Work task: Among the entries below, one line contains "#135=IFCINDEXEDPOLYGONALFACE((27,28,32,31));" and another contains "#140=IFCINDEXEDPOLYGONALFACE((37,41,42,38));". Transcribe those two lines and every line between them, exactly.

Data extract:
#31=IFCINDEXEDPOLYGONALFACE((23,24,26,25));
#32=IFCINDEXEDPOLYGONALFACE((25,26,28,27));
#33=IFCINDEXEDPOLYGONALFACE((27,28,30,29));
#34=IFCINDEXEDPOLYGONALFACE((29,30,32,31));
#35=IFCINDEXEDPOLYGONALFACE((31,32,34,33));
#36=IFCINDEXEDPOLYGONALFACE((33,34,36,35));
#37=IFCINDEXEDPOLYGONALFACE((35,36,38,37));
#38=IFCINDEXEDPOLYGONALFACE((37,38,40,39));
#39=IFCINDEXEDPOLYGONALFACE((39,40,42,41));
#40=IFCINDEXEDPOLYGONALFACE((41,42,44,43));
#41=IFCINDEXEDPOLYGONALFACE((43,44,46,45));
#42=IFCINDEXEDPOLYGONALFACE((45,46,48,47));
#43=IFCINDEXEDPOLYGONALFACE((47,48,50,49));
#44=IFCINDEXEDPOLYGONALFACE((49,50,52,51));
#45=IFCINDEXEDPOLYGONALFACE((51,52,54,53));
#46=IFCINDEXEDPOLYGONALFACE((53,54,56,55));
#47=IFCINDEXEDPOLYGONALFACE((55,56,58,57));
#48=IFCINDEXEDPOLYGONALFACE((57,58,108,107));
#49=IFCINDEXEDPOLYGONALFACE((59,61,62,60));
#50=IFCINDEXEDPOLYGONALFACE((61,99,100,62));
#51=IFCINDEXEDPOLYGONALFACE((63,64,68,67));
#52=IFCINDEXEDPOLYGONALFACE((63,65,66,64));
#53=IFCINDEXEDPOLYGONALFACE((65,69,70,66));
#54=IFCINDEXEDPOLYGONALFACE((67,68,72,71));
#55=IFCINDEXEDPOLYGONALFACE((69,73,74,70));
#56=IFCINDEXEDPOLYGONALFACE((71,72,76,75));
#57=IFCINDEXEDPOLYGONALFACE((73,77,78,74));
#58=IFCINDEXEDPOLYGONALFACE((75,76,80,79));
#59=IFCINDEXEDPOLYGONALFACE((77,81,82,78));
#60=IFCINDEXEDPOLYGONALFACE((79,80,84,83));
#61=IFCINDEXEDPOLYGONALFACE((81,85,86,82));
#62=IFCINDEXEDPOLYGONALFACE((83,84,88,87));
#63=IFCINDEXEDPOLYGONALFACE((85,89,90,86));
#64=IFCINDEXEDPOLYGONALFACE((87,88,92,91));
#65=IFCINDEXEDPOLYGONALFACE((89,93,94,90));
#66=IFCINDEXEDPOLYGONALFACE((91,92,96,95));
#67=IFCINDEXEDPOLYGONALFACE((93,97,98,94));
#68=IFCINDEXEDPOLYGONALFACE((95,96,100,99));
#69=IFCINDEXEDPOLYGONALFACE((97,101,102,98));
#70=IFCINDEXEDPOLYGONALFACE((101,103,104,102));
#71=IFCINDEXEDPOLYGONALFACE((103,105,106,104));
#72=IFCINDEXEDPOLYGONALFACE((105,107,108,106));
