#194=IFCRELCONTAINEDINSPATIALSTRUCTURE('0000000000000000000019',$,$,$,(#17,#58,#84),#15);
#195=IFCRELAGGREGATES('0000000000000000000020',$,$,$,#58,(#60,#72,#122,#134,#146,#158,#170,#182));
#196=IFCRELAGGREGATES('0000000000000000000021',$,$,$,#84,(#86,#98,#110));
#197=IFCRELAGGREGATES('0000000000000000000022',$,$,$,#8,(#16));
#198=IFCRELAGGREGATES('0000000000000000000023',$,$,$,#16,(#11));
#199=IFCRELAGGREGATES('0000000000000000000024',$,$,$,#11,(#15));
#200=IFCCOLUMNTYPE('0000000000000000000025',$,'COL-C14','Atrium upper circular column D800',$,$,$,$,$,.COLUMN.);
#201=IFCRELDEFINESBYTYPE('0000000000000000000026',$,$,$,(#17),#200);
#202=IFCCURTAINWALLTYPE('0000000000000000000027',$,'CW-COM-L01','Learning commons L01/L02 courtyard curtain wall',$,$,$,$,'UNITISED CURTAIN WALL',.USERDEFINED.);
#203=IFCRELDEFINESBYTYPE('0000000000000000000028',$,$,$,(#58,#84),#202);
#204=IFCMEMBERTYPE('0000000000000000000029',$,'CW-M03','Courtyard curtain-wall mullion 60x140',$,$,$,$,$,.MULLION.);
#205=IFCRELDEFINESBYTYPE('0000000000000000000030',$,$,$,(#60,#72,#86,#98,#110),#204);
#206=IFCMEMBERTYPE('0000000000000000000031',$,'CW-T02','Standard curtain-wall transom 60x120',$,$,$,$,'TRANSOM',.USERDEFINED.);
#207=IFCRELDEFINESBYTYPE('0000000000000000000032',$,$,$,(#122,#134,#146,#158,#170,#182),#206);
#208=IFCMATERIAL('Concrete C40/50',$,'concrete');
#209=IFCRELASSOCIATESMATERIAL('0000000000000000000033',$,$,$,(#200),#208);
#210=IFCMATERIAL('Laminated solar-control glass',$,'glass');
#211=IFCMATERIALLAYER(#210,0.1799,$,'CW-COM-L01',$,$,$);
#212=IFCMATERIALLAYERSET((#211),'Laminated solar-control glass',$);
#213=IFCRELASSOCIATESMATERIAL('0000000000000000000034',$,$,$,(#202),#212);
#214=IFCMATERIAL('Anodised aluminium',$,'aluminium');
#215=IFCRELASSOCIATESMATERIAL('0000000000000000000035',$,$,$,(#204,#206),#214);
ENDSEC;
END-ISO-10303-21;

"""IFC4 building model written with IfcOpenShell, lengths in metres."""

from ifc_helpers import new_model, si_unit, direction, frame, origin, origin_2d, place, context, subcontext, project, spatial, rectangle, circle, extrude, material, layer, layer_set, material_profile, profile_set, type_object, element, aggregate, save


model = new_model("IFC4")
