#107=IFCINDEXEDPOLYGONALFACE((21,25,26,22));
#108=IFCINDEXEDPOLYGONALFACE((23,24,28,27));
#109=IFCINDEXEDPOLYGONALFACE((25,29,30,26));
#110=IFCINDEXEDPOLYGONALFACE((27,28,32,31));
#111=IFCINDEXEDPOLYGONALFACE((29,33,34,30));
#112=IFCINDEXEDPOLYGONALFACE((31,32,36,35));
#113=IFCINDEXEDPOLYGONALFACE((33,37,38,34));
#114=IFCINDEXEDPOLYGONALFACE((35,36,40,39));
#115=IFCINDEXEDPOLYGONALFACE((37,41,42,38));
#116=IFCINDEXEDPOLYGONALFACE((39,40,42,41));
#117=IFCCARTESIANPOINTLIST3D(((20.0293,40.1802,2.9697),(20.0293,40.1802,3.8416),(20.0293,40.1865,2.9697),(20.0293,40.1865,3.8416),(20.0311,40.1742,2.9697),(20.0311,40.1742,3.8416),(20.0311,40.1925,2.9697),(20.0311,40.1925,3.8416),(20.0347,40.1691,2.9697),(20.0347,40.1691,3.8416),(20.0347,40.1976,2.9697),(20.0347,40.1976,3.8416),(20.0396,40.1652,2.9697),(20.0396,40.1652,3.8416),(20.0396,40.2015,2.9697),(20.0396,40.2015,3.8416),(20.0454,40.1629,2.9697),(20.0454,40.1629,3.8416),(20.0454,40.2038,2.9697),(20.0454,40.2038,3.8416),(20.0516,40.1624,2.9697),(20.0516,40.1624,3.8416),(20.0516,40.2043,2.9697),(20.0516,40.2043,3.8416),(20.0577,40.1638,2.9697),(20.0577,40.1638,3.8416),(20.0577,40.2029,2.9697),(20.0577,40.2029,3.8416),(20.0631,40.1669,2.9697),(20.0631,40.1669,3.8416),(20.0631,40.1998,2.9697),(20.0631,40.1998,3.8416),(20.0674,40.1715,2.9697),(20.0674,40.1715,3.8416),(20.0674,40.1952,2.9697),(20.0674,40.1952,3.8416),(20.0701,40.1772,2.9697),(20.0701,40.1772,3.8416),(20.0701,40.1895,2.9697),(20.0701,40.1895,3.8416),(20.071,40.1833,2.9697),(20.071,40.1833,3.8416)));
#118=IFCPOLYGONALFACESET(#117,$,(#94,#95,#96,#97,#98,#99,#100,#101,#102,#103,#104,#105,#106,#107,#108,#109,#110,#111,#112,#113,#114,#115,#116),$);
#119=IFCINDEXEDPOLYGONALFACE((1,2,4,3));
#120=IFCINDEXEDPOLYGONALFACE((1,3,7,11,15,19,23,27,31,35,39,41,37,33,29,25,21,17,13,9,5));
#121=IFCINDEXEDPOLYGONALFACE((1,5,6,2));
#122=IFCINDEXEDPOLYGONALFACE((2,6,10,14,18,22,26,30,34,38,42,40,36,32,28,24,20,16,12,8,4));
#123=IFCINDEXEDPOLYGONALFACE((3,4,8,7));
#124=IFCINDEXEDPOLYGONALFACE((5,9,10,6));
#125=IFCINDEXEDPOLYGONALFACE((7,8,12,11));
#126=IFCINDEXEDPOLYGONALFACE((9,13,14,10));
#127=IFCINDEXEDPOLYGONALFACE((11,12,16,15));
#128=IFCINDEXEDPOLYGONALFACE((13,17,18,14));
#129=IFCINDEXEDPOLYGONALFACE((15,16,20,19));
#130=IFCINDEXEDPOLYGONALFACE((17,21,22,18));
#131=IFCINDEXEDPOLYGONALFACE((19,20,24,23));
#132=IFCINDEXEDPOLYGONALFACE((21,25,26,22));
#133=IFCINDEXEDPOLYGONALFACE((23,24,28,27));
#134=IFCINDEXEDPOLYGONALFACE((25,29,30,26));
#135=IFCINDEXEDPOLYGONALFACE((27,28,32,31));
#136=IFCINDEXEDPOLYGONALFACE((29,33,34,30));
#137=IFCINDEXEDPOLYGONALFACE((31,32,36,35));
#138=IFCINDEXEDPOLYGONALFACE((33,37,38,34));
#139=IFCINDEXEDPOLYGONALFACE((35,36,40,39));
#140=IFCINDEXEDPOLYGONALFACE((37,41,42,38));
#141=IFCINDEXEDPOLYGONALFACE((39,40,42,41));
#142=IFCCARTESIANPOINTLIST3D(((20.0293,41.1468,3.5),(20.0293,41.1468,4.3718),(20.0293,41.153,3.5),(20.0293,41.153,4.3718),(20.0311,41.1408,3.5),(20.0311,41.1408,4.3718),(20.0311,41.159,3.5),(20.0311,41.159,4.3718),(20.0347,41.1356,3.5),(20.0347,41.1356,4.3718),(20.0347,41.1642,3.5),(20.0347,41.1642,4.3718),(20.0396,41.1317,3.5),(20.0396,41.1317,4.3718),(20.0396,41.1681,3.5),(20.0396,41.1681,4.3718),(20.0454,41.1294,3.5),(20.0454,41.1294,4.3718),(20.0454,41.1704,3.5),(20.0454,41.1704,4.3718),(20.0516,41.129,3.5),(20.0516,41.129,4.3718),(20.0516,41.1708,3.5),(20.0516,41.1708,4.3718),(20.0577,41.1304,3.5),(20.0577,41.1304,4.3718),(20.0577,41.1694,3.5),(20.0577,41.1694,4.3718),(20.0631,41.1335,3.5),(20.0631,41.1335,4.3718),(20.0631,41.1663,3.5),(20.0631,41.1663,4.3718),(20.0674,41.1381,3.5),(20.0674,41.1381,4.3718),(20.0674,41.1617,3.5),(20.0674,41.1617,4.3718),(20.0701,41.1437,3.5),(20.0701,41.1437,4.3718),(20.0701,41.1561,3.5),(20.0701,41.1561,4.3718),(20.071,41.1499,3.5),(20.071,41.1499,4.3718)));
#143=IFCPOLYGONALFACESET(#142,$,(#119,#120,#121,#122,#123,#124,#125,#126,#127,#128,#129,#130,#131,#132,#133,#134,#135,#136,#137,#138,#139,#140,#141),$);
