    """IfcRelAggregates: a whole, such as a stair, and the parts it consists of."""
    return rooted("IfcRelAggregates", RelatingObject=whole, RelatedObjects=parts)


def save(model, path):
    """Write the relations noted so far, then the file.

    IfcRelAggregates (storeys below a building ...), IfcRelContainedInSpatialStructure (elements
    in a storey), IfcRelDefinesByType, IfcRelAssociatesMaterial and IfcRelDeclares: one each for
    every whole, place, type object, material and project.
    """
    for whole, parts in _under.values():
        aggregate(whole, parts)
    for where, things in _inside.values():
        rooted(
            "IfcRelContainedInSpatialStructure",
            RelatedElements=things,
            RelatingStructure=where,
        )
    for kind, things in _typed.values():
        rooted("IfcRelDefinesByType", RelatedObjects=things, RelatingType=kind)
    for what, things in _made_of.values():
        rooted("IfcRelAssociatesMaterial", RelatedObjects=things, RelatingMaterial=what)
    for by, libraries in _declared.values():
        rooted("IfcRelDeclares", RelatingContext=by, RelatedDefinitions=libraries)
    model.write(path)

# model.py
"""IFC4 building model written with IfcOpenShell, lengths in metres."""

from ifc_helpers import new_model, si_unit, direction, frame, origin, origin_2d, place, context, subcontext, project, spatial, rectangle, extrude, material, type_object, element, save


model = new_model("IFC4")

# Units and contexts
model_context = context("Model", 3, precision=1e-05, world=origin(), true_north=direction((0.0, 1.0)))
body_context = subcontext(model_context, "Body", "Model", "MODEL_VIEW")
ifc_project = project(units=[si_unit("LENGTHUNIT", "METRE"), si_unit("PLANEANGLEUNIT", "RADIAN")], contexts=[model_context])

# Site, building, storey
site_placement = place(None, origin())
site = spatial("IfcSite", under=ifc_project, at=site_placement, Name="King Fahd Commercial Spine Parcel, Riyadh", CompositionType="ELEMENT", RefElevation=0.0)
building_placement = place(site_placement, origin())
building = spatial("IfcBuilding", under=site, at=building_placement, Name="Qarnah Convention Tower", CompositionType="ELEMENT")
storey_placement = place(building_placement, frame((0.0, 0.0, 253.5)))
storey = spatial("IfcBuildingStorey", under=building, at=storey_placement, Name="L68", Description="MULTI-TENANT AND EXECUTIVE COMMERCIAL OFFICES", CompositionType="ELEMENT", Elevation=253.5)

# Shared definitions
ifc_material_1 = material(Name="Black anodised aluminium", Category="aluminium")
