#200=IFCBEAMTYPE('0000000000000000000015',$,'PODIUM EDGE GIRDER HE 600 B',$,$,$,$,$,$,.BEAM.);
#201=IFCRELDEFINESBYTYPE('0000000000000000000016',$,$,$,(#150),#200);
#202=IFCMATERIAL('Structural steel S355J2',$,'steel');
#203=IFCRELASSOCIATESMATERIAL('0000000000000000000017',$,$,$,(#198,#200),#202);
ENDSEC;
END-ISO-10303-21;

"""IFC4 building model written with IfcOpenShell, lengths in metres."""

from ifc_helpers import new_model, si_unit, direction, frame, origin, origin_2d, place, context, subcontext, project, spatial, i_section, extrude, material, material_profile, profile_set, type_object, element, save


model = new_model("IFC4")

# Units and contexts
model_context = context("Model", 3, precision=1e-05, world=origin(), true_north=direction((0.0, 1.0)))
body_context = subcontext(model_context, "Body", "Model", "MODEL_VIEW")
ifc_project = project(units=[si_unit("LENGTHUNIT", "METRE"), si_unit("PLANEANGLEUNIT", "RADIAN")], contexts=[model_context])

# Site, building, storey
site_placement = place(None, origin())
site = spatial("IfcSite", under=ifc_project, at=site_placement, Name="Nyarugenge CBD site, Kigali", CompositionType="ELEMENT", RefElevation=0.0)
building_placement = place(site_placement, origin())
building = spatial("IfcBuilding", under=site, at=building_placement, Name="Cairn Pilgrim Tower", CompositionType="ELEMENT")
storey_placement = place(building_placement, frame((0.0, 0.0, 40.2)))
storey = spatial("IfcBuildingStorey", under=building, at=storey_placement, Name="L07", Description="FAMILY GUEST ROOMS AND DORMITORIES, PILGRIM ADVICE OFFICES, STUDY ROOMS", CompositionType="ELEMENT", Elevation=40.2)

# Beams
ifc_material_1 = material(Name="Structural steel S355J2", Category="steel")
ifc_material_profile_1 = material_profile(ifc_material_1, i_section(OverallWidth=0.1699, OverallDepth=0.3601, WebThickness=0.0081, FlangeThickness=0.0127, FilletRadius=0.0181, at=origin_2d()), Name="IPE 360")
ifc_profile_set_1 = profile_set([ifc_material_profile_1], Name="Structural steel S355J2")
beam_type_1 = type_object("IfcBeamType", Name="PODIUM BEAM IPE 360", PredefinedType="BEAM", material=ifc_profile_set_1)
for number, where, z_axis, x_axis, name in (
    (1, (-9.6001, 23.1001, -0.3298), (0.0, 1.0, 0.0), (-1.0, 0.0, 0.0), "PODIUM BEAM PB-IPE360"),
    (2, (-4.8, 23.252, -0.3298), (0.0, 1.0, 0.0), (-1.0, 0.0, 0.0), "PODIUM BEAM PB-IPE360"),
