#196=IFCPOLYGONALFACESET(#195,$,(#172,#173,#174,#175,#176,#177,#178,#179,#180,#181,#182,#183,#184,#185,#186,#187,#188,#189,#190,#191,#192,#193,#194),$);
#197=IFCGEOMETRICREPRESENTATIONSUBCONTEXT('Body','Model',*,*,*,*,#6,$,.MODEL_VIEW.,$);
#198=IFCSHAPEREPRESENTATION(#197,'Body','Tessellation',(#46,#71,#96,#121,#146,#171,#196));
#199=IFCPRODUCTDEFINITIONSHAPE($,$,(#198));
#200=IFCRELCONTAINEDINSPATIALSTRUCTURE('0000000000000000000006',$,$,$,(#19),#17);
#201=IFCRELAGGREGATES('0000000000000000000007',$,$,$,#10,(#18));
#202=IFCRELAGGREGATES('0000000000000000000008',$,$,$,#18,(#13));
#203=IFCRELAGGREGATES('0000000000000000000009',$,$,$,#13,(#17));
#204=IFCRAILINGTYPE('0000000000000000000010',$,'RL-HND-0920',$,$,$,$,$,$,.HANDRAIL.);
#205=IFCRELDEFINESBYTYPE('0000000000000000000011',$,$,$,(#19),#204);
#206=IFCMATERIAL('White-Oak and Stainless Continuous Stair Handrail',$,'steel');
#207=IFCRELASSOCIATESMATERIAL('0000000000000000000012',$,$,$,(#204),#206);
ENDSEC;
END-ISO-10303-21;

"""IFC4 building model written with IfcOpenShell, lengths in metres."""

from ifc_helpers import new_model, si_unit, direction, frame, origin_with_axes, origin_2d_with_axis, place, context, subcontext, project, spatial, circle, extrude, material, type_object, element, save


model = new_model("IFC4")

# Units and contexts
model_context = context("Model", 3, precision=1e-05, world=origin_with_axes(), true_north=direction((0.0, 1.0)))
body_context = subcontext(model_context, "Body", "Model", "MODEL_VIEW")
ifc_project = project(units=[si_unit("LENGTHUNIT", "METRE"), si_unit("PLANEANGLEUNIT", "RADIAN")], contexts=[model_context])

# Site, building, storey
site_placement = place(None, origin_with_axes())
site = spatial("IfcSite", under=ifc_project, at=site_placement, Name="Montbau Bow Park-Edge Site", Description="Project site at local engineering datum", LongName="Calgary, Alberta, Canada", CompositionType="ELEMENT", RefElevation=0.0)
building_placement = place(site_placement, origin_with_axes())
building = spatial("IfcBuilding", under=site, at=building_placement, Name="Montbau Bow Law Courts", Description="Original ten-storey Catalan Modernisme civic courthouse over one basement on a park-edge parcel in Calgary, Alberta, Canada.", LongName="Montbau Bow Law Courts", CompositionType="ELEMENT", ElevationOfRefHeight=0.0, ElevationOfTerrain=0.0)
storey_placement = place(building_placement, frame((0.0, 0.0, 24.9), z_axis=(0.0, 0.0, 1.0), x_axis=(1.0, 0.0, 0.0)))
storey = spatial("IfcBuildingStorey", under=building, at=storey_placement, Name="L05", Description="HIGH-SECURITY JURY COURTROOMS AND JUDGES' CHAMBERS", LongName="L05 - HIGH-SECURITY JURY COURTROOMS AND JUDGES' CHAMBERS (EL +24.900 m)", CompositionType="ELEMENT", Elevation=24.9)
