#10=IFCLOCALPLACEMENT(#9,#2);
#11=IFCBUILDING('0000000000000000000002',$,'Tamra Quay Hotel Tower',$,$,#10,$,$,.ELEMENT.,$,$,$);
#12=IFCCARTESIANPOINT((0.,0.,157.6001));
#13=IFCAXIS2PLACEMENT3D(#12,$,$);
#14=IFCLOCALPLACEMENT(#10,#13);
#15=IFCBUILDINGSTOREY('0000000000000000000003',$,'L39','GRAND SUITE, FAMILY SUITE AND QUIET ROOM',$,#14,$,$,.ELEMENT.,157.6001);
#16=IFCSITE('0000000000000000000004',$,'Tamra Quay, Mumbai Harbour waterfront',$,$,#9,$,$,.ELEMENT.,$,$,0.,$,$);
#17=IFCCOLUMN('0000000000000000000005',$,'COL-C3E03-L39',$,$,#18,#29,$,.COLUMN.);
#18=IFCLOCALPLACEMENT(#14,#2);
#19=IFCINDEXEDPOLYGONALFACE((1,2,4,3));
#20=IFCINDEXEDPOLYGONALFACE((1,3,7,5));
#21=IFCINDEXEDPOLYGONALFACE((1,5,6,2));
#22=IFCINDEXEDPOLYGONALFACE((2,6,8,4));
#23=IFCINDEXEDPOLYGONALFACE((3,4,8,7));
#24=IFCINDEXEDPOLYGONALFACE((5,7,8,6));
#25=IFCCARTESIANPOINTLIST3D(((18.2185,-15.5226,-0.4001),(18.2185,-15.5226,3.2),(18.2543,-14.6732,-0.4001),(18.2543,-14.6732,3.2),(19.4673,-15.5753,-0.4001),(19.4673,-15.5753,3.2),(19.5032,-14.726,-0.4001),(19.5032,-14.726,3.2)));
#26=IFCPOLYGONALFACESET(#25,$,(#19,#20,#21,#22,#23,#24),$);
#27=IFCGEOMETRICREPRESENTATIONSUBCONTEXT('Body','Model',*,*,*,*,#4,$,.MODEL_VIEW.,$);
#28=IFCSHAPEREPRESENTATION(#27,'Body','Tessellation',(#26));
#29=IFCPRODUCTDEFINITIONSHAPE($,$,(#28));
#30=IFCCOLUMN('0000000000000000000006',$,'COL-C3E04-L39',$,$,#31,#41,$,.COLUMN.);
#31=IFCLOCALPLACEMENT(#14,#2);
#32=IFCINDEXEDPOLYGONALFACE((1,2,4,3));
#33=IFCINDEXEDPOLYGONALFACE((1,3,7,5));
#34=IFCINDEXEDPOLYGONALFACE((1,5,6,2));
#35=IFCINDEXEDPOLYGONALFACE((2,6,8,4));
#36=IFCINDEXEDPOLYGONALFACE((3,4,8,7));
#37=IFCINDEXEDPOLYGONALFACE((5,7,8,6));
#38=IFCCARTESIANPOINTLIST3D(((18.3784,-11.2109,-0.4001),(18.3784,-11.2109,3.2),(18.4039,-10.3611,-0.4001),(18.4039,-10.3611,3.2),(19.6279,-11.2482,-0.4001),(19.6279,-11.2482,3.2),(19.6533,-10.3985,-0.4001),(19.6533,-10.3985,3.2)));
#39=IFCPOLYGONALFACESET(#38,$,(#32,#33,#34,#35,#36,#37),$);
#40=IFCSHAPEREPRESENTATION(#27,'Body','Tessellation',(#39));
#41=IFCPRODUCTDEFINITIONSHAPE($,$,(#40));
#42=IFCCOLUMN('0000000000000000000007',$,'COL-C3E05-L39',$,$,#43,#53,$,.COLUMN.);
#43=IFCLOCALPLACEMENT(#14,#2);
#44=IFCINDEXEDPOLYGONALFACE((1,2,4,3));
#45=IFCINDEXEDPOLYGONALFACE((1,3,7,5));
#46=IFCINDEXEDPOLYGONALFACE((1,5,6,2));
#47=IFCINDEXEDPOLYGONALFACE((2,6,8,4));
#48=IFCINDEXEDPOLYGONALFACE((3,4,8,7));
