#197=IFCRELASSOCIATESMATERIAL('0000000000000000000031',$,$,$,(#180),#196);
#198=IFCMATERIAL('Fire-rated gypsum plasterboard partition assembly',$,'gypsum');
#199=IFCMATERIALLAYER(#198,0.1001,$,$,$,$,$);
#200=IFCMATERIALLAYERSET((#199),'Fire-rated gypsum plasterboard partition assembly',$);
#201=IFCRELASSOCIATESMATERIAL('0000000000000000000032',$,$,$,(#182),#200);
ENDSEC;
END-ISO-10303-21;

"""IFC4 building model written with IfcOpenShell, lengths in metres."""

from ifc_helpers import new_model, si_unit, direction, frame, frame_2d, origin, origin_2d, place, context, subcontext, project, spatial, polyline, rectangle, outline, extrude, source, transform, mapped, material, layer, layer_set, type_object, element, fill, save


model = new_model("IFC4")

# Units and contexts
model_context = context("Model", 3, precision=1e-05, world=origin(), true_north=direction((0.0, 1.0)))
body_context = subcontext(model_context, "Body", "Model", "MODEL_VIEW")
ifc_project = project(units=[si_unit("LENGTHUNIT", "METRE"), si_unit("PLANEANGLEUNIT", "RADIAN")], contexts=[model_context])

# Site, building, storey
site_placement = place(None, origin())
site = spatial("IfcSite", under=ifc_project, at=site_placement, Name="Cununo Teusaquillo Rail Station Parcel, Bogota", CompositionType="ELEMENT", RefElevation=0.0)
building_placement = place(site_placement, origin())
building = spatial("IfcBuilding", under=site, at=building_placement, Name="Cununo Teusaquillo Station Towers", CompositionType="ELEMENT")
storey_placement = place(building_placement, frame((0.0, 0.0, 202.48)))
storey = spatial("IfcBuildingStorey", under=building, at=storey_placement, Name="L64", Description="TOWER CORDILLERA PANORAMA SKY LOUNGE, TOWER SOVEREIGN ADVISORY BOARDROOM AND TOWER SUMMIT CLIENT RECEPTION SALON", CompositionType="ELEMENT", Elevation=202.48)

Response:
#135=IFCINDEXEDPOLYGONALFACE((27,28,32,31));
#136=IFCINDEXEDPOLYGONALFACE((29,33,34,30));
#137=IFCINDEXEDPOLYGONALFACE((31,32,36,35));
#138=IFCINDEXEDPOLYGONALFACE((33,37,38,34));
#139=IFCINDEXEDPOLYGONALFACE((35,36,40,39));
#140=IFCINDEXEDPOLYGONALFACE((37,41,42,38));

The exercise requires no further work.